ACTIVITY – Below are entries. Copy exactly the lines running from the line that holds "#130=IFCINDEXEDPOLYGONALFACE((1,2,5,6,3,4,12,11,8,7,10,9));" to the line that holds "#138=IFCINDEXEDPOLYGONALFACE((7,8,20,19));", with both ends included.

RECORD SET –
━━━━
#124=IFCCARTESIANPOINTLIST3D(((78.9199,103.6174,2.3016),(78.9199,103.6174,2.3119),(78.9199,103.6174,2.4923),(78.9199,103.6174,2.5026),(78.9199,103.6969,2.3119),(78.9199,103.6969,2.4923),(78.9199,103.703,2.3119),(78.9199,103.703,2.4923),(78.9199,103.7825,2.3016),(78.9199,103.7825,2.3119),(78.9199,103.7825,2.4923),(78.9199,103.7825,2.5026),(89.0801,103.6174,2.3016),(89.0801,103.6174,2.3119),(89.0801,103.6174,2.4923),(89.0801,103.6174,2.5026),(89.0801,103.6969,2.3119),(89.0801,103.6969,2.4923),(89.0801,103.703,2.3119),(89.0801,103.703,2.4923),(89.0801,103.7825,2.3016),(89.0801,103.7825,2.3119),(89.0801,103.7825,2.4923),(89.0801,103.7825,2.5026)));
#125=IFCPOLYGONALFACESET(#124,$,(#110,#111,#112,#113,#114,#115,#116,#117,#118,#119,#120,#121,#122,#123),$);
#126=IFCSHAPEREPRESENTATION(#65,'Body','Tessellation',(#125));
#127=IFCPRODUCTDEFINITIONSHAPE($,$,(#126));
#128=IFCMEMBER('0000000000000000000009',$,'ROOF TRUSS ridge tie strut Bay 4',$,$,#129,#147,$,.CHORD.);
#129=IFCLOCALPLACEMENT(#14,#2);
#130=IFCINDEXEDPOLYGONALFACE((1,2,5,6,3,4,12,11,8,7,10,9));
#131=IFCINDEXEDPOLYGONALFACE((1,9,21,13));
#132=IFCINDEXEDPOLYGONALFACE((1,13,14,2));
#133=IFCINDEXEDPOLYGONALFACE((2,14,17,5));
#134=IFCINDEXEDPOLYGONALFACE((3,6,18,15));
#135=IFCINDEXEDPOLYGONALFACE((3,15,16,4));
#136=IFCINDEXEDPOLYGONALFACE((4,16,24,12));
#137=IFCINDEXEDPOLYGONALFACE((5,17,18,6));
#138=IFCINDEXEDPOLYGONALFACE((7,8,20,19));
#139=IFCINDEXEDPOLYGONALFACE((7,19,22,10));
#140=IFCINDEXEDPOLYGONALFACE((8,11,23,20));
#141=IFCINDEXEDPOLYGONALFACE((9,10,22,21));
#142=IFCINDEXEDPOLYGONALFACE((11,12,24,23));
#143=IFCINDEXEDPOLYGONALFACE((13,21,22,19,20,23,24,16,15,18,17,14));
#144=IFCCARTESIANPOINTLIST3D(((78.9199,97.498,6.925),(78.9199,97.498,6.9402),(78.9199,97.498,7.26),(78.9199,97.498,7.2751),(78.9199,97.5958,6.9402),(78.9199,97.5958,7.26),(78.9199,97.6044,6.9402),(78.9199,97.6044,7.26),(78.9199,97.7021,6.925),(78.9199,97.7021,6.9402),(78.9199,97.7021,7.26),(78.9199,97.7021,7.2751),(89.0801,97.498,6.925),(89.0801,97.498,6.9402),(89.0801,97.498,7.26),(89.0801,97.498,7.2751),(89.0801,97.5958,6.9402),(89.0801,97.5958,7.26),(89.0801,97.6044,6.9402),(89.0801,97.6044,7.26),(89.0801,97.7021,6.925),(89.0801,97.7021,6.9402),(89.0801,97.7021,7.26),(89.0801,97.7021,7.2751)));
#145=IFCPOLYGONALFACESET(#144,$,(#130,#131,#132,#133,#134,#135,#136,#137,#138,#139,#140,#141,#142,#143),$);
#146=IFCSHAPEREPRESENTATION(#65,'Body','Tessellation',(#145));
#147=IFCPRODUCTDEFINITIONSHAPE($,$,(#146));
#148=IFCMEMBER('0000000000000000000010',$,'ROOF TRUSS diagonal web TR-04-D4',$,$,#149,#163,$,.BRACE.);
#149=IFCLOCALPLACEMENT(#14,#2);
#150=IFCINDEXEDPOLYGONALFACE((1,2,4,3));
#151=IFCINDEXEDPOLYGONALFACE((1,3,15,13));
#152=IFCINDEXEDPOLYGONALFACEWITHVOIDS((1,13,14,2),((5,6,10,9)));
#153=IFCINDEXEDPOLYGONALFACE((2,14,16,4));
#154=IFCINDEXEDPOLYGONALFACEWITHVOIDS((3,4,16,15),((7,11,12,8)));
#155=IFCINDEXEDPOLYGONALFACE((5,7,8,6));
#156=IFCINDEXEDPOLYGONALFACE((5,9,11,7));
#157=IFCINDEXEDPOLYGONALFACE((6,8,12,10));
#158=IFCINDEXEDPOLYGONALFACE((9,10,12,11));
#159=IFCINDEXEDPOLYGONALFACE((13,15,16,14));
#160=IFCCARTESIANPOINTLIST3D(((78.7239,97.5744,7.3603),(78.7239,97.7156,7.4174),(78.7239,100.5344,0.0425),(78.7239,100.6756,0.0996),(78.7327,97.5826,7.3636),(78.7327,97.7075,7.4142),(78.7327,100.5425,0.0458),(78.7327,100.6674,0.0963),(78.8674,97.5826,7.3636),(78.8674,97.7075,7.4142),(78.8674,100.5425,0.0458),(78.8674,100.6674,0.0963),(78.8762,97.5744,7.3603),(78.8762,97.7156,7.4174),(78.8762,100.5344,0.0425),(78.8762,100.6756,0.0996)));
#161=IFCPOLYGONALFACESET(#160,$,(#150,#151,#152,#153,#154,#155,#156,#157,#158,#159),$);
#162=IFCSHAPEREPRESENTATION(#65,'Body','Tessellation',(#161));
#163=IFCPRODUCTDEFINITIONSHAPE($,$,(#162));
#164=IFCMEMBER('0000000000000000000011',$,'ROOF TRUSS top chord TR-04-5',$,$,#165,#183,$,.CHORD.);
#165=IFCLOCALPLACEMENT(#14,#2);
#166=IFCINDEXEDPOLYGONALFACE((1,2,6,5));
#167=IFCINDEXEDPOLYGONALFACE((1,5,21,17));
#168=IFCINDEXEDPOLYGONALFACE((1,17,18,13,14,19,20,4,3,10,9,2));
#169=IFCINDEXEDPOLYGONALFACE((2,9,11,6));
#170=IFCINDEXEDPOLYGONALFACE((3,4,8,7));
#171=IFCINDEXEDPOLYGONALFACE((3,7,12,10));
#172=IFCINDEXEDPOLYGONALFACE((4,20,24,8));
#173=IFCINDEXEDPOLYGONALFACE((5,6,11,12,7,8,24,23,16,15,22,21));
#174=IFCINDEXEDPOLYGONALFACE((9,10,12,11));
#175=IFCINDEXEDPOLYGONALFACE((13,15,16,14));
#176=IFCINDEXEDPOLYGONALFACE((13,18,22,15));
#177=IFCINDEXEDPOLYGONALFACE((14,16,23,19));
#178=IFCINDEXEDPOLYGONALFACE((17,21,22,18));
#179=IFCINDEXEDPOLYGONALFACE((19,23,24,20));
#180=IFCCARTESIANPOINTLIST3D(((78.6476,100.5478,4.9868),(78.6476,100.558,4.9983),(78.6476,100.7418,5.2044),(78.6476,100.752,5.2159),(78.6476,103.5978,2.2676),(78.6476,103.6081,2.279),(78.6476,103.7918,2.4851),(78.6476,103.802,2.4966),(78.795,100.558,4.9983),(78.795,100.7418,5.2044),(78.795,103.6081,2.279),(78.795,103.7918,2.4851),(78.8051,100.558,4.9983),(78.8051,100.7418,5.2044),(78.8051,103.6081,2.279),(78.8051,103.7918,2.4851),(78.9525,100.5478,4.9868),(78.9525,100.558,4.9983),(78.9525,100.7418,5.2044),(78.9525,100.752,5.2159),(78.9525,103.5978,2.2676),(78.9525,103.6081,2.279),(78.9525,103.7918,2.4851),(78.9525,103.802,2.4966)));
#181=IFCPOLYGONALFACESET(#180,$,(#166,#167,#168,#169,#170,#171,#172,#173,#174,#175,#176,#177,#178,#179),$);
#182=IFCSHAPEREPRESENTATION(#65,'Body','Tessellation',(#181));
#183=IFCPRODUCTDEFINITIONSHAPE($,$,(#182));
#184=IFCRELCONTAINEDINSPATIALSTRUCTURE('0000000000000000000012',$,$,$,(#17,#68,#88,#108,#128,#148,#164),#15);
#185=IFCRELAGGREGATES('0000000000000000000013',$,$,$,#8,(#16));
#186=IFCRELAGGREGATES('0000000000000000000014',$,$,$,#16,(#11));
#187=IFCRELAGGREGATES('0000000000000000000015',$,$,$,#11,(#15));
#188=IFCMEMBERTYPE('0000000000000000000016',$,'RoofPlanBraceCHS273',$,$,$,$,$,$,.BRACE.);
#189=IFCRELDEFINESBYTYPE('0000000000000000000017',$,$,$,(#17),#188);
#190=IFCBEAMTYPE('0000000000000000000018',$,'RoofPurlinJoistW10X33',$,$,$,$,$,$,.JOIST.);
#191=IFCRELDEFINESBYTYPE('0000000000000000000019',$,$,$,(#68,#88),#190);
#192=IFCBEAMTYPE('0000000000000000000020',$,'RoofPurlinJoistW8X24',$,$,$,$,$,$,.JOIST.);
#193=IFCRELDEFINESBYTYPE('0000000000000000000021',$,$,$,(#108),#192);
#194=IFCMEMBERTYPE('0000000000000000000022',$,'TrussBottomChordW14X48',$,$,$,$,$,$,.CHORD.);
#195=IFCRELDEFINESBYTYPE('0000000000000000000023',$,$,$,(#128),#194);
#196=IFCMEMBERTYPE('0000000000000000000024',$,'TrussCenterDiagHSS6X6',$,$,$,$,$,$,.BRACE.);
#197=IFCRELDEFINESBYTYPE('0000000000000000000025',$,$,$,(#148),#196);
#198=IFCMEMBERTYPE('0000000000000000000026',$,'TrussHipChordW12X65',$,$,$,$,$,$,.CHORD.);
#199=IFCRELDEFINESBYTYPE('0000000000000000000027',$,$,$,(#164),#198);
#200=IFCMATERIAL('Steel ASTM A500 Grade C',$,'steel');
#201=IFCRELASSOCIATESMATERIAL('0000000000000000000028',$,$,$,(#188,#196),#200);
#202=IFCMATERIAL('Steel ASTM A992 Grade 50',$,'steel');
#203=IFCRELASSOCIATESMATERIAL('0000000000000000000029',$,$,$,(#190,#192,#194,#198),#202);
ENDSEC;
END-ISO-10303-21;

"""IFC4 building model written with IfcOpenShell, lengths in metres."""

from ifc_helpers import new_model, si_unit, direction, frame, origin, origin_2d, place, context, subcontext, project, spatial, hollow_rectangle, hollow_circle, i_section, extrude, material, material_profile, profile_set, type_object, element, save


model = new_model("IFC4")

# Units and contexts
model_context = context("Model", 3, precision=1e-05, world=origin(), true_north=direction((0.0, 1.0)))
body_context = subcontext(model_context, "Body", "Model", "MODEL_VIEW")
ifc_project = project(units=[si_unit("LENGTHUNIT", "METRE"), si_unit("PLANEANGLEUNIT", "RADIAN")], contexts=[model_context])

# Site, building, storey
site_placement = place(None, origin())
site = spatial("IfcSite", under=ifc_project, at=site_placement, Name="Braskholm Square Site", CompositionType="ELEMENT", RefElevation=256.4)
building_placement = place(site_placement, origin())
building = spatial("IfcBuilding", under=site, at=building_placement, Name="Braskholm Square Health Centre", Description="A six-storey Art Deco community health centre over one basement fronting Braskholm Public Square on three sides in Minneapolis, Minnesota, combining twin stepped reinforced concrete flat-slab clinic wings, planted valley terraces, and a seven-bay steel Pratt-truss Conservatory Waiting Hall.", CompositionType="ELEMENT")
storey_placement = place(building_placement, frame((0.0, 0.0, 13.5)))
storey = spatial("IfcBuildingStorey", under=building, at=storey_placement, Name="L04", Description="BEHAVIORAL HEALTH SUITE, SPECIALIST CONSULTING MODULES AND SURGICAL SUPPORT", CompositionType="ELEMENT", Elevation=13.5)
━━━━
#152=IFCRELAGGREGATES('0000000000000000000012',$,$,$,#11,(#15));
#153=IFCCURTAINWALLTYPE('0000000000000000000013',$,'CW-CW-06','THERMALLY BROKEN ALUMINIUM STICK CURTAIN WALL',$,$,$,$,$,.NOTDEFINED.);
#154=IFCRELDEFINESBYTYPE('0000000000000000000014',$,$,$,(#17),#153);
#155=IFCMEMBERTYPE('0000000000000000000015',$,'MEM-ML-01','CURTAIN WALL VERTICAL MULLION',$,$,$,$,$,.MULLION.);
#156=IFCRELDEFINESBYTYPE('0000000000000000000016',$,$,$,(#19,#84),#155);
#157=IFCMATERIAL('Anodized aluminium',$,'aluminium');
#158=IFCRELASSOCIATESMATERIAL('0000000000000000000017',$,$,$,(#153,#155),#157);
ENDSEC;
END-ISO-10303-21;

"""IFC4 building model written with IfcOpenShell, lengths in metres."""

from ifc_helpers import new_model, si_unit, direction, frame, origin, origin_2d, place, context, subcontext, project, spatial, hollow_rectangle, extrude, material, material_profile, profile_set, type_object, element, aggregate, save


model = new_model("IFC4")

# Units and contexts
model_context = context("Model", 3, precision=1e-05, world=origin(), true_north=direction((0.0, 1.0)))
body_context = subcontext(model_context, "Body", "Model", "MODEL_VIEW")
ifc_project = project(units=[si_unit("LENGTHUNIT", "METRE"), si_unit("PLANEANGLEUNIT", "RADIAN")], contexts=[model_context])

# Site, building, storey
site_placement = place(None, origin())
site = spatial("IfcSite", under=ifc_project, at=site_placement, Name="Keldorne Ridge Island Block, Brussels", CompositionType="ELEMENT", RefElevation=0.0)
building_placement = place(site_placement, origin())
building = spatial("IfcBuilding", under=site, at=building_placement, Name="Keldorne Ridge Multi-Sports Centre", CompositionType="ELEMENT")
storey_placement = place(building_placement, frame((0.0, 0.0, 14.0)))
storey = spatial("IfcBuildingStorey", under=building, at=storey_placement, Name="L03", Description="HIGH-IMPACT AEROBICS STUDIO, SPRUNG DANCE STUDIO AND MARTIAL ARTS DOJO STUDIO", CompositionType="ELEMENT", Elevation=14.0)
━━━━
TASK RESULT –
#130=IFCINDEXEDPOLYGONALFACE((1,2,5,6,3,4,12,11,8,7,10,9));
#131=IFCINDEXEDPOLYGONALFACE((1,9,21,13));
#132=IFCINDEXEDPOLYGONALFACE((1,13,14,2));
#133=IFCINDEXEDPOLYGONALFACE((2,14,17,5));
#134=IFCINDEXEDPOLYGONALFACE((3,6,18,15));
#135=IFCINDEXEDPOLYGONALFACE((3,15,16,4));
#136=IFCINDEXEDPOLYGONALFACE((4,16,24,12));
#137=IFCINDEXEDPOLYGONALFACE((5,17,18,6));
#138=IFCINDEXEDPOLYGONALFACE((7,8,20,19));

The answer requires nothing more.